==== SUPPLIED RECORDS

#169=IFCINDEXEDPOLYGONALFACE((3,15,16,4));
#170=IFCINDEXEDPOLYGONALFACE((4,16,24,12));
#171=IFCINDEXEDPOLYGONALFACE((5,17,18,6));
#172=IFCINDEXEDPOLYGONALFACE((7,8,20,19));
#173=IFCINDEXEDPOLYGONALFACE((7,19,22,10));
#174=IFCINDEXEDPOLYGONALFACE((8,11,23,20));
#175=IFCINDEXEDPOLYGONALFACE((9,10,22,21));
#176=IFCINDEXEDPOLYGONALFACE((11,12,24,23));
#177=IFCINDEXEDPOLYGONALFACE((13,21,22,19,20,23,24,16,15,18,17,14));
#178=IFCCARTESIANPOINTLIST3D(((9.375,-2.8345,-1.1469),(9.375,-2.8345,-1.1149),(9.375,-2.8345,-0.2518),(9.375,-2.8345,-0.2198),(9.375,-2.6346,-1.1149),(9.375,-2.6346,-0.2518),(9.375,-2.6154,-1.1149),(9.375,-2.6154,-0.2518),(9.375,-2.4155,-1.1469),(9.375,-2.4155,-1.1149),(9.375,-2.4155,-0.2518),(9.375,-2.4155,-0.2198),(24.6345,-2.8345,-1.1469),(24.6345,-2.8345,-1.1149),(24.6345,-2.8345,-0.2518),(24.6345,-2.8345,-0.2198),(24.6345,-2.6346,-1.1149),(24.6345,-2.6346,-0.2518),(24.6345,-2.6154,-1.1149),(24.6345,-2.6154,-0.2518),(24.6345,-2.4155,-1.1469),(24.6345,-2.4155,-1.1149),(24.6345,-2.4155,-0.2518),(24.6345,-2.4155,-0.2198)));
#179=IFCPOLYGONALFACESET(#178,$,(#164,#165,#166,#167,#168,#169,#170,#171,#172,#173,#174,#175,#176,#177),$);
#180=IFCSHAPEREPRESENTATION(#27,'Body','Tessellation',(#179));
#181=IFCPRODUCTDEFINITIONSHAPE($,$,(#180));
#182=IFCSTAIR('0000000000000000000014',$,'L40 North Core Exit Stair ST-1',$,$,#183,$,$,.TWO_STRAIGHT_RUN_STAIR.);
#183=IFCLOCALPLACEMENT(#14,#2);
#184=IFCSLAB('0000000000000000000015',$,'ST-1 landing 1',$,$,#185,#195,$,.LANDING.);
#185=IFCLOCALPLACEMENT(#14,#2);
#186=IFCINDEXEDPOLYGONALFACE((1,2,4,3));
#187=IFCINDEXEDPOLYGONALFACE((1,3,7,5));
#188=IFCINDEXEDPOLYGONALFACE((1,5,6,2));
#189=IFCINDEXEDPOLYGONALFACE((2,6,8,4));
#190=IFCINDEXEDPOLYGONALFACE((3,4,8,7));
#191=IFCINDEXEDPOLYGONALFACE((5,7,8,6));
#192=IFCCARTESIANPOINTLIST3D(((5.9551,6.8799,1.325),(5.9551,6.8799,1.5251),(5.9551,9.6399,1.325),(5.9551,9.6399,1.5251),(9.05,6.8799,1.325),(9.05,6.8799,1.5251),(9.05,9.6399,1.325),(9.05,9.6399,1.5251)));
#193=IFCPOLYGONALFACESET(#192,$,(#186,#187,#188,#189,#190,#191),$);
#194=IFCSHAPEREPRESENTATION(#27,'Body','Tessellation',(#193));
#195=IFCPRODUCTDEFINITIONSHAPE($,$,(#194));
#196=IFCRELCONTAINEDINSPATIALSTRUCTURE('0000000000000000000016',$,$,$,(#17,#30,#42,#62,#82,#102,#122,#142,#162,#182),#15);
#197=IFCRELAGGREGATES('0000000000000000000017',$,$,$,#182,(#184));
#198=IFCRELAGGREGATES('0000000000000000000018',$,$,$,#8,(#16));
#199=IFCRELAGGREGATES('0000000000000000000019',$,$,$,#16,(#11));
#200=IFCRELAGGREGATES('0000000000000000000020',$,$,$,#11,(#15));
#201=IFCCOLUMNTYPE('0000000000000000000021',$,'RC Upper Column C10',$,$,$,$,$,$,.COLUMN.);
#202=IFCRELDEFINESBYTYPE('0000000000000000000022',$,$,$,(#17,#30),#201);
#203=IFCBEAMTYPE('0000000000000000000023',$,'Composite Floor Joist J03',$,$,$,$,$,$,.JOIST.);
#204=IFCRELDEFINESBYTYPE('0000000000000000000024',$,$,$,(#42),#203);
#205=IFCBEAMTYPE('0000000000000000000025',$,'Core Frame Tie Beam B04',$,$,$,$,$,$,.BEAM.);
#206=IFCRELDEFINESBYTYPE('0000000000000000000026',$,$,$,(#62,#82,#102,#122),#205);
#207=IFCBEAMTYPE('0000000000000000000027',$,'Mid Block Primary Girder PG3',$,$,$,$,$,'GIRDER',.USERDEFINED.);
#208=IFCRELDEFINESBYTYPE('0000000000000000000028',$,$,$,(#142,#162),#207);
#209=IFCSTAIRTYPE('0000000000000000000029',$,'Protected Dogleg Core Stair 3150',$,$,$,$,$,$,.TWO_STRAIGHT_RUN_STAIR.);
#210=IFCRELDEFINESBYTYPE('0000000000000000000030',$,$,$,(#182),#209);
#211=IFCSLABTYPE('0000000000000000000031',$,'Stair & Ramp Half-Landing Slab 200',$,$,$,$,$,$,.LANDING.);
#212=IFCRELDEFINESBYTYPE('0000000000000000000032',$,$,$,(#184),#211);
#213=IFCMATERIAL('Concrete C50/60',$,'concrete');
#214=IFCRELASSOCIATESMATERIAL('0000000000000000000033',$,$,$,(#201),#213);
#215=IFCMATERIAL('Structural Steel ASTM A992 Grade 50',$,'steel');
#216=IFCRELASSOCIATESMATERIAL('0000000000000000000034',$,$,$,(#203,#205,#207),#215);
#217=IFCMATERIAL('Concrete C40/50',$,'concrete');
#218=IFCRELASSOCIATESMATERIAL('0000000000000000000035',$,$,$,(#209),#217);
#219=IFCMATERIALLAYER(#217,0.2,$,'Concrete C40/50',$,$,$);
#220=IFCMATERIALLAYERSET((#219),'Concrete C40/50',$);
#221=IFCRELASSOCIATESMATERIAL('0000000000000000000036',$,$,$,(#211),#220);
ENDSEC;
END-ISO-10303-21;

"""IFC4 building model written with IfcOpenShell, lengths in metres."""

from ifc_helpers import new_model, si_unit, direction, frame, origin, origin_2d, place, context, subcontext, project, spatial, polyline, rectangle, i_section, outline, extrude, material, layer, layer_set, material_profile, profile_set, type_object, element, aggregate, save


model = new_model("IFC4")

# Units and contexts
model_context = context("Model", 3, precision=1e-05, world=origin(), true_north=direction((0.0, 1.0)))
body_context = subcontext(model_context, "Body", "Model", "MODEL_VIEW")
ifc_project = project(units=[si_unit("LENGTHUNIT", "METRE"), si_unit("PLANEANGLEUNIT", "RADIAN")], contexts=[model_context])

========

**PROBLEM TO SOLVE:** Show every line above in which the word "Stair" occurs.

**FINISHED EXERCISE:**
#182=IFCSTAIR('0000000000000000000014',$,'L40 North Core Exit Stair ST-1',$,$,#183,$,$,.TWO_STRAIGHT_RUN_STAIR.);
#209=IFCSTAIRTYPE('0000000000000000000029',$,'Protected Dogleg Core Stair 3150',$,$,$,$,$,$,.TWO_STRAIGHT_RUN_STAIR.);
#211=IFCSLABTYPE('0000000000000000000031',$,'Stair & Ramp Half-Landing Slab 200',$,$,$,$,$,$,.LANDING.);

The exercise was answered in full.